▶ GIVEN RECORDS:
= = = = = = =
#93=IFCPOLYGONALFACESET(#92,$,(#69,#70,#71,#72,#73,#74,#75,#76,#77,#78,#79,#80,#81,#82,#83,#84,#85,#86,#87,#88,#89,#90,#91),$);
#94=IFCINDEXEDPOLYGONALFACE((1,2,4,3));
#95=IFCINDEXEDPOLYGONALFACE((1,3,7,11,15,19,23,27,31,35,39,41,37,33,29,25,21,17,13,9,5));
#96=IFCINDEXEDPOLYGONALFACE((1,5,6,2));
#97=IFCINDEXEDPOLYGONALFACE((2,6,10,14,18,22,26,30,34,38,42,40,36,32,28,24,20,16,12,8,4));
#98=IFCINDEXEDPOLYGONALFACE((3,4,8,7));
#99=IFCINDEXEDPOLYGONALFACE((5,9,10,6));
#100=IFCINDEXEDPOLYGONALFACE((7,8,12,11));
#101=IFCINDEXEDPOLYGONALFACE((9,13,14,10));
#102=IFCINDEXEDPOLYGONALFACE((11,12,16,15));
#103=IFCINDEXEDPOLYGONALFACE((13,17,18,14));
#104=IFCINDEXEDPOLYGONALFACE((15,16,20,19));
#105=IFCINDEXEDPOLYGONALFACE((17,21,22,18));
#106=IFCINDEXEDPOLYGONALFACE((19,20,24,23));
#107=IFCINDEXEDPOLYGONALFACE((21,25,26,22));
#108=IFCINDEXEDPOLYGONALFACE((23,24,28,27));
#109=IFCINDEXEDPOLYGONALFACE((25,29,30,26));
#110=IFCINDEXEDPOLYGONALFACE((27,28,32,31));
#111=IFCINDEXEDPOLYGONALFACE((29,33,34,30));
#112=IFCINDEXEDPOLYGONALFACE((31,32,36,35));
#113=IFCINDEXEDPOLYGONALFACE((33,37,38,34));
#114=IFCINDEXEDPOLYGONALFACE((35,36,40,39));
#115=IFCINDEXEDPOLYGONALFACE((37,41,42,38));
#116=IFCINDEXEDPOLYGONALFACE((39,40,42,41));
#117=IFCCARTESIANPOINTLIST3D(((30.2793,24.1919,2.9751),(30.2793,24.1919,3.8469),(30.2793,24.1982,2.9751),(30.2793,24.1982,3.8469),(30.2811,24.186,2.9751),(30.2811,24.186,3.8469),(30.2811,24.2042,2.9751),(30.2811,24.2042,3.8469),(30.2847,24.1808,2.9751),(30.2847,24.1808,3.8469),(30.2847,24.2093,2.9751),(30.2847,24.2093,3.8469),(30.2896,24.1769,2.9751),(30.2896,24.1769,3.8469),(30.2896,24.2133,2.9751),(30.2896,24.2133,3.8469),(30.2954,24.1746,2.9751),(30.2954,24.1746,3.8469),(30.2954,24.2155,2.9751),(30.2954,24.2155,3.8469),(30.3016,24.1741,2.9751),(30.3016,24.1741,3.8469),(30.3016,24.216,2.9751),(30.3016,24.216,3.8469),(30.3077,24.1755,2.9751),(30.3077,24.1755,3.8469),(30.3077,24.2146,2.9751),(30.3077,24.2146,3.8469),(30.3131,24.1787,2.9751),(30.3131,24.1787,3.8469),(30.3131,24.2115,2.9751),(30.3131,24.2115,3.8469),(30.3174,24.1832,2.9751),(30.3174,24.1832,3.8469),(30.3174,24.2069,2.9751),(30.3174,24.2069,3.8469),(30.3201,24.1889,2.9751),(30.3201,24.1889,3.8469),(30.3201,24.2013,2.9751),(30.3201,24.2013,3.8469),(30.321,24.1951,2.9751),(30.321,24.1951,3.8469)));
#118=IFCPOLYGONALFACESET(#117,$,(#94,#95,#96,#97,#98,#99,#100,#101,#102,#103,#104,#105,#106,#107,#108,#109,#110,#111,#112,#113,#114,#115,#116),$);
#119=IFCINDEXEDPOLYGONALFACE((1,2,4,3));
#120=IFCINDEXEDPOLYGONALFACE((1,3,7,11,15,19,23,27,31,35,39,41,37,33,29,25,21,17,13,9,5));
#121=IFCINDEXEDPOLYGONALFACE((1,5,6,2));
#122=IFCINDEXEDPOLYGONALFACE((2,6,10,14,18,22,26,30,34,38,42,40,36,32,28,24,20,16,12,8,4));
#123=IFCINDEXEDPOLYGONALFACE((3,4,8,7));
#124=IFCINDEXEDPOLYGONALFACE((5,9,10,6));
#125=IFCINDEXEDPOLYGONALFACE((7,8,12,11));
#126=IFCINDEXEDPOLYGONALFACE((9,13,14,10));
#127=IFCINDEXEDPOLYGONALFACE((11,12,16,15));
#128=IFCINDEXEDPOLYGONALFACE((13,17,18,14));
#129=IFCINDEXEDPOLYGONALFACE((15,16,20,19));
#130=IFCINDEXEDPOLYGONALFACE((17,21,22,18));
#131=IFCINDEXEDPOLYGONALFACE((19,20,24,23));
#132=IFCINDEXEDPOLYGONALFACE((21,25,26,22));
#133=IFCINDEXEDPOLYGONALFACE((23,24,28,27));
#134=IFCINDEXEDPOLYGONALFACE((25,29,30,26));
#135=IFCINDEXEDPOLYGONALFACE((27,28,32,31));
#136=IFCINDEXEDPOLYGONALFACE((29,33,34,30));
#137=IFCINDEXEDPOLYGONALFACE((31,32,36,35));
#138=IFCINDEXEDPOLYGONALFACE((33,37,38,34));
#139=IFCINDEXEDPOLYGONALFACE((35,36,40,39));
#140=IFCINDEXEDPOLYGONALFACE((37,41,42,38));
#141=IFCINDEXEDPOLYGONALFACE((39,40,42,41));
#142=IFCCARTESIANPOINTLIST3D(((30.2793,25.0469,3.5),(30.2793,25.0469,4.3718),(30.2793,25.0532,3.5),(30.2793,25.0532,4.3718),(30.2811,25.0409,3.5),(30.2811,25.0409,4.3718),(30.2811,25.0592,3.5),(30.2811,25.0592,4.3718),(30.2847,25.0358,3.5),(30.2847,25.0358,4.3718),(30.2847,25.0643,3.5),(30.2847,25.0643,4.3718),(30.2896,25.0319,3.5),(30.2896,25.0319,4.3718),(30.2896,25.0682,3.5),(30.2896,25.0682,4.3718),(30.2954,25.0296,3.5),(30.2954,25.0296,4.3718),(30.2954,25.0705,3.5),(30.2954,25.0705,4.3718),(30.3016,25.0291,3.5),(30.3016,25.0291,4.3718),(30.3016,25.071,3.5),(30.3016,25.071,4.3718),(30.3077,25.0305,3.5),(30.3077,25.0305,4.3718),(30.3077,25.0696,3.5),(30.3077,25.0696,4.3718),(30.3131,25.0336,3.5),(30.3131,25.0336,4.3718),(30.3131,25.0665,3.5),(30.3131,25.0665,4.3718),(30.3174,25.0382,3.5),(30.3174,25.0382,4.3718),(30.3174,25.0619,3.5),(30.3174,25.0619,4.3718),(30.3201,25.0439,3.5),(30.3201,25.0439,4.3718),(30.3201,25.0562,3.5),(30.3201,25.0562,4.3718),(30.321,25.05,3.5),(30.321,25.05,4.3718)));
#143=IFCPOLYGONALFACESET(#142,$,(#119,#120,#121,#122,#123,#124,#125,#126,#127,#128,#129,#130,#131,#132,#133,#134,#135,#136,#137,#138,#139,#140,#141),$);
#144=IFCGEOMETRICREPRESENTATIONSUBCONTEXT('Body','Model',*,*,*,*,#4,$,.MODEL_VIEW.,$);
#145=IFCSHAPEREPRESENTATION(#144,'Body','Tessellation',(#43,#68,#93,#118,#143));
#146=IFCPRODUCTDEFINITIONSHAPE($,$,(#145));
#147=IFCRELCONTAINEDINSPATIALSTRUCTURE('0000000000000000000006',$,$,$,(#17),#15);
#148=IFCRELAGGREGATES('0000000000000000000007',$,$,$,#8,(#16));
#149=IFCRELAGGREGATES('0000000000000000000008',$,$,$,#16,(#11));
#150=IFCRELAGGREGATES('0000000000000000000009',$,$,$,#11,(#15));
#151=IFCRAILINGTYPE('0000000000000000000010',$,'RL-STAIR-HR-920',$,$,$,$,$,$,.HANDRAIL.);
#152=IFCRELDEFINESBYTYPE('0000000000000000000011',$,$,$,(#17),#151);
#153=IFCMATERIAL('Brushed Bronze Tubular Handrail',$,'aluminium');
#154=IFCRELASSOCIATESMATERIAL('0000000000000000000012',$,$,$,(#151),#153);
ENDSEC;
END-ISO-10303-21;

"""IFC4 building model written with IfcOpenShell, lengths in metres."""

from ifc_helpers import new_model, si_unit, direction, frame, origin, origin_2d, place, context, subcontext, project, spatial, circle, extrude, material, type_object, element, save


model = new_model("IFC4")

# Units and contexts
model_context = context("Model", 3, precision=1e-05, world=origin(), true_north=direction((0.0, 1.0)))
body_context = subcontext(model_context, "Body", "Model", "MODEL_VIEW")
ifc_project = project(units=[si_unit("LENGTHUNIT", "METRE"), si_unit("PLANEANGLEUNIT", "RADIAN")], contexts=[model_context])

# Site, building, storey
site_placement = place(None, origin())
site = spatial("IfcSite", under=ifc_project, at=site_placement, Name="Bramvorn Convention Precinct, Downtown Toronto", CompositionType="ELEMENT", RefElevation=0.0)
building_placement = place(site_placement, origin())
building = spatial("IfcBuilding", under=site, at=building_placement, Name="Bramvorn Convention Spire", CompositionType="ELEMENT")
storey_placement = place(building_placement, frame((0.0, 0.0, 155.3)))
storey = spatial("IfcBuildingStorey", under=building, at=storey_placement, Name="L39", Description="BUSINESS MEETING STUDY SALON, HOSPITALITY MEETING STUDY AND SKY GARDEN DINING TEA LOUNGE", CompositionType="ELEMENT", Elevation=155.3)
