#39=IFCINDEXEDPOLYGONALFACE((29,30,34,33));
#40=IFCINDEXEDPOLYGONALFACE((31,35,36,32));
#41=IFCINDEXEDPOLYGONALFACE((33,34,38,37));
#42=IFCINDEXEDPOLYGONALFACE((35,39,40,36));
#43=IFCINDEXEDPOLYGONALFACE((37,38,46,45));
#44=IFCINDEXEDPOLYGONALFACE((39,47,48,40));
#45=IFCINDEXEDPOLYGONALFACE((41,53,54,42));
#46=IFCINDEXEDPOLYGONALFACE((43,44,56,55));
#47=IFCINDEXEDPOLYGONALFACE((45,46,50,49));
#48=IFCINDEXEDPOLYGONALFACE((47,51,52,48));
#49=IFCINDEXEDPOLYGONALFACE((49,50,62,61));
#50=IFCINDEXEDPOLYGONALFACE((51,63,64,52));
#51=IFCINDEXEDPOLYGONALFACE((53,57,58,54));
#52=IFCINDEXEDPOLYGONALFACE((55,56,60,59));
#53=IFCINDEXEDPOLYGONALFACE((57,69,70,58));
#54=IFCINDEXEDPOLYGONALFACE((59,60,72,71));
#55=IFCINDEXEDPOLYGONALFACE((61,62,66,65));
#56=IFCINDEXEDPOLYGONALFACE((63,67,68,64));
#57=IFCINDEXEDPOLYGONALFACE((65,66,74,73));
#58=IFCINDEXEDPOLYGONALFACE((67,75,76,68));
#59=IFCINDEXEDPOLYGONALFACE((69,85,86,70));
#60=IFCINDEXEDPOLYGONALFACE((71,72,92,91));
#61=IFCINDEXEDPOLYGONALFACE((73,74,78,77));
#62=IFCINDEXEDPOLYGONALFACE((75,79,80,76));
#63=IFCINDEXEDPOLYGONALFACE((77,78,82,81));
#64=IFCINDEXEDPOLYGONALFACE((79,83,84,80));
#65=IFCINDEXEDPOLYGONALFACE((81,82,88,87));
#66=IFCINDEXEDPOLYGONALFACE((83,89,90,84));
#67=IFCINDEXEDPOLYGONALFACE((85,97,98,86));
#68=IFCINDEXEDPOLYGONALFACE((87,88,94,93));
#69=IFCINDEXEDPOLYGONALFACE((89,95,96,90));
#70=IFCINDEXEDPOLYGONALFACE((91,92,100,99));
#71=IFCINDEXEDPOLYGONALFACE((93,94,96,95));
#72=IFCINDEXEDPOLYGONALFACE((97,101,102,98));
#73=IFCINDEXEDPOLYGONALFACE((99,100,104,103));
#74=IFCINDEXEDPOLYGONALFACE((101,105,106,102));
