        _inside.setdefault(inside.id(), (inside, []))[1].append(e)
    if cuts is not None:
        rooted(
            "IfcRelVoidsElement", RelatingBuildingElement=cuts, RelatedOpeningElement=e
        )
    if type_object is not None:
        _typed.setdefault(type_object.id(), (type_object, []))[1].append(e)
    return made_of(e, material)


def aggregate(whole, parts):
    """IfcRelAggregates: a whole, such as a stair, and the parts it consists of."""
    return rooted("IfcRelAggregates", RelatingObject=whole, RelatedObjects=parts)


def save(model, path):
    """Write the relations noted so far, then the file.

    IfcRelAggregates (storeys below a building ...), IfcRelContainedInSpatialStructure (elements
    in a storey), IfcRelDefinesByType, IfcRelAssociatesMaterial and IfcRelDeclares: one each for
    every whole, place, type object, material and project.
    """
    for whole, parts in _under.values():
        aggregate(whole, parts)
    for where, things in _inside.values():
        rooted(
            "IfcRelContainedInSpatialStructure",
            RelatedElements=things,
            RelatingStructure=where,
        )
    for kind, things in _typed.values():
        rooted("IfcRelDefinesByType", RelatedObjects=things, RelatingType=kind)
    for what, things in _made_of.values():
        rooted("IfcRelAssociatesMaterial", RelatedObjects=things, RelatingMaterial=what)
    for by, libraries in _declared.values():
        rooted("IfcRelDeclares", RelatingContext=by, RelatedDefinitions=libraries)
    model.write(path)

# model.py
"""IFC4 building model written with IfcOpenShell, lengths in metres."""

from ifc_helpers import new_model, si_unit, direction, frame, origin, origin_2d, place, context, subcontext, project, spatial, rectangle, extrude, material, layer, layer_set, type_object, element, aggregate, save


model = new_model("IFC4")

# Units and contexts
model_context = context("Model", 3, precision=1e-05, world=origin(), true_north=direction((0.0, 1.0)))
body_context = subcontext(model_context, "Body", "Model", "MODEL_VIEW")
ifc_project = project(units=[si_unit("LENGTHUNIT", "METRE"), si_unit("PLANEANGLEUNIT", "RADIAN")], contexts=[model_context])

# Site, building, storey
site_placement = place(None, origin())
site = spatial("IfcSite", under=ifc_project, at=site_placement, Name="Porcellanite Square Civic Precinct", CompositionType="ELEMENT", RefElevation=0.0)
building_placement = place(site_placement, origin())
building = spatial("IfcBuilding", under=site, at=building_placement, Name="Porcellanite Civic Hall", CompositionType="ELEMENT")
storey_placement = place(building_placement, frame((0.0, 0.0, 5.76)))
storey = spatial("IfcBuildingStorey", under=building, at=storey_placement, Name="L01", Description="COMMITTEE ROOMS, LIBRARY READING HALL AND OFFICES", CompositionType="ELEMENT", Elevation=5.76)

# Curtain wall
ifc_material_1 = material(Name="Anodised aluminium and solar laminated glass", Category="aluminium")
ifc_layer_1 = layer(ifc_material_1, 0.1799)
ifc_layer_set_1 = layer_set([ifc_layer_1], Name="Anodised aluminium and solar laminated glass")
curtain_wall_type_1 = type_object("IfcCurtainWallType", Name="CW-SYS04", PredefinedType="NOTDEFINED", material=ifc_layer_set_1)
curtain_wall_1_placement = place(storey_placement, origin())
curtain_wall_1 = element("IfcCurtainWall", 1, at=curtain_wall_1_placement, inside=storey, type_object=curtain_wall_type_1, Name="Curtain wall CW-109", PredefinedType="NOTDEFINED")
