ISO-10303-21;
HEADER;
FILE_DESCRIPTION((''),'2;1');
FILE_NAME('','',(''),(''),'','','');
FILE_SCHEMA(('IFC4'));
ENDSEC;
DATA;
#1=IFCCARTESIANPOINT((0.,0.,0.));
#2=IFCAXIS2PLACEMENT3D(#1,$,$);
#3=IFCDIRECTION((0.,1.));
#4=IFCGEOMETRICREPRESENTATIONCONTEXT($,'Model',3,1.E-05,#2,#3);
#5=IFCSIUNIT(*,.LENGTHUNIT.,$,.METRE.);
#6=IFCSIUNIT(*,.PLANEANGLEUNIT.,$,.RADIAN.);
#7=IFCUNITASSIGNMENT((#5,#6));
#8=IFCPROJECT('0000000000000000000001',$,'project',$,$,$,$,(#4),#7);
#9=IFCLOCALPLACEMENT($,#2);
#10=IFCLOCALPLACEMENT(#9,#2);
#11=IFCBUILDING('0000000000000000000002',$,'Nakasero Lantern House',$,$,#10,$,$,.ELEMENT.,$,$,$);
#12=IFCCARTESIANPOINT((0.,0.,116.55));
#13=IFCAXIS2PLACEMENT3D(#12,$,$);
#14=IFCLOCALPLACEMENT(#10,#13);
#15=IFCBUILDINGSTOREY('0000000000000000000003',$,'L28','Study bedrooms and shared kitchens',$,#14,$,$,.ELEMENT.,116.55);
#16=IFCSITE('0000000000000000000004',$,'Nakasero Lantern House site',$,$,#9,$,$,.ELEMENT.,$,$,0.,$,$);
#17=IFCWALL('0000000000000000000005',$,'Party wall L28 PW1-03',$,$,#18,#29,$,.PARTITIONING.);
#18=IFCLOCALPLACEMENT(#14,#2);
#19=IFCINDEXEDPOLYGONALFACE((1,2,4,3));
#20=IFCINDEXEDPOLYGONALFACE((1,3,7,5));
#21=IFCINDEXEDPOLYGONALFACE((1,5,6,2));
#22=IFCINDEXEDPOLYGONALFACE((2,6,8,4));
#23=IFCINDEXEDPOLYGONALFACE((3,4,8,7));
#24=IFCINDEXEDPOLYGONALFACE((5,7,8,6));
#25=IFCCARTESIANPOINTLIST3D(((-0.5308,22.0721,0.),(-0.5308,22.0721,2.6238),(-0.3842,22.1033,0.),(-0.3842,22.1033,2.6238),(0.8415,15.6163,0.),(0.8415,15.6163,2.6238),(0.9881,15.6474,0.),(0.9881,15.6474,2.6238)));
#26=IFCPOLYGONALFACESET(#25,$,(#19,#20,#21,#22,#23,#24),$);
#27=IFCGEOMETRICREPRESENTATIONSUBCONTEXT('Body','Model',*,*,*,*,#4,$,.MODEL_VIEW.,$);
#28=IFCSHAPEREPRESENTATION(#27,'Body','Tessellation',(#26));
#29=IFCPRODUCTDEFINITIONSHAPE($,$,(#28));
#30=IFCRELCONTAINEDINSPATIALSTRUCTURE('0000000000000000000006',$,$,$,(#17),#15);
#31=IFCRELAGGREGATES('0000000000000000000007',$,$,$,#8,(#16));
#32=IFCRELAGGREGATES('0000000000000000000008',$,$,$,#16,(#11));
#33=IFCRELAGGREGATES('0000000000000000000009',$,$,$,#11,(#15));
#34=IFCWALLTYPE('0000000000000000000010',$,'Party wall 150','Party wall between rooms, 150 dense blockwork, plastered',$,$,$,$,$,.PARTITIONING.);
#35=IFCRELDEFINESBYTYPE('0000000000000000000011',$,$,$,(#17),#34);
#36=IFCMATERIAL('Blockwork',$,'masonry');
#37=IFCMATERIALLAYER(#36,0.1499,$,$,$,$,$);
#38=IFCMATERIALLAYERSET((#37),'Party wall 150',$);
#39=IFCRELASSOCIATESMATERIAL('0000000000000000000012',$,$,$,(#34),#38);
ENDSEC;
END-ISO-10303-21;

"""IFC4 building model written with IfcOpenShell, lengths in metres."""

from ifc_helpers import new_model, si_unit, direction, frame, frame_2d, origin, place, context, subcontext, project, spatial, rectangle, extrude, material, layer, layer_set, type_object, element, save


model = new_model("IFC4")

# Units and contexts
model_context = context("Model", 3, precision=1e-05, world=origin(), true_north=direction((0.0, 1.0)))
body_context = subcontext(model_context, "Body", "Model", "MODEL_VIEW")
ifc_project = project(units=[si_unit("LENGTHUNIT", "METRE"), si_unit("PLANEANGLEUNIT", "RADIAN")], contexts=[model_context])

# Site, building, storey
site_placement = place(None, origin())
site = spatial("IfcSite", under=ifc_project, at=site_placement, Name="Nakasero Lantern House site", CompositionType="ELEMENT", RefElevation=0.0)
building_placement = place(site_placement, origin())
building = spatial("IfcBuilding", under=site, at=building_placement, Name="Nakasero Lantern House", CompositionType="ELEMENT")
storey_placement = place(building_placement, frame((0.0, 0.0, 116.55)))
storey = spatial("IfcBuildingStorey", under=building, at=storey_placement, Name="L28", Description="Study bedrooms and shared kitchens", CompositionType="ELEMENT", Elevation=116.55)

# Wall
ifc_material_1 = material(Name="Blockwork", Category="masonry")
ifc_layer_1 = layer(ifc_material_1, 0.1499)
ifc_layer_set_1 = layer_set([ifc_layer_1], Name="Party wall 150")
wall_type_1 = type_object("IfcWallType", Name="Party wall 150", Description="Party wall between rooms, 150 dense blockwork, plastered", PredefinedType="PARTITIONING", material=ifc_layer_set_1)
wall_1_placement = place(storey_placement, frame((0.9148, 15.6318, 0.0), z_axis=(0.0, 0.0, 1.0), x_axis=(-0.207925, 0.978145, 0.0)))
element("IfcWall", 1, at=wall_1_placement, inside=storey, type_object=wall_type_1, Name="Party wall L28 PW1-03", PredefinedType="PARTITIONING", context=body_context, shape_type="SweptSolid", body=[
    extrude(rectangle(XDim=6.6001, YDim=0.1499, at=frame_2d((3.3, 0.0))), origin(), (0.0, 0.0, 1.0), 2.6238),
])

save(model, "model.ifc")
= = = = = = =
▶ WHAT NEEDS TO BE DONE:
Word for word, restate the lines above from the line containing "#96=IFCINDEXEDPOLYGONALFACE((1,5,6,2));" through the line containing "#116=IFCINDEXEDPOLYGONALFACE((39,40,42,41));", with both included and nothing else.

▶ SOLUTION FOR THIS EXERCISE:
#96=IFCINDEXEDPOLYGONALFACE((1,5,6,2));
#97=IFCINDEXEDPOLYGONALFACE((2,6,10,14,18,22,26,30,34,38,42,40,36,32,28,24,20,16,12,8,4));
#98=IFCINDEXEDPOLYGONALFACE((3,4,8,7));
#99=IFCINDEXEDPOLYGONALFACE((5,9,10,6));
#100=IFCINDEXEDPOLYGONALFACE((7,8,12,11));
#101=IFCINDEXEDPOLYGONALFACE((9,13,14,10));
#102=IFCINDEXEDPOLYGONALFACE((11,12,16,15));
#103=IFCINDEXEDPOLYGONALFACE((13,17,18,14));
#104=IFCINDEXEDPOLYGONALFACE((15,16,20,19));
#105=IFCINDEXEDPOLYGONALFACE((17,21,22,18));
#106=IFCINDEXEDPOLYGONALFACE((19,20,24,23));
#107=IFCINDEXEDPOLYGONALFACE((21,25,26,22));
#108=IFCINDEXEDPOLYGONALFACE((23,24,28,27));
#109=IFCINDEXEDPOLYGONALFACE((25,29,30,26));
#110=IFCINDEXEDPOLYGONALFACE((27,28,32,31));
#111=IFCINDEXEDPOLYGONALFACE((29,33,34,30));
#112=IFCINDEXEDPOLYGONALFACE((31,32,36,35));
#113=IFCINDEXEDPOLYGONALFACE((33,37,38,34));
#114=IFCINDEXEDPOLYGONALFACE((35,36,40,39));
#115=IFCINDEXEDPOLYGONALFACE((37,41,42,38));
#116=IFCINDEXEDPOLYGONALFACE((39,40,42,41));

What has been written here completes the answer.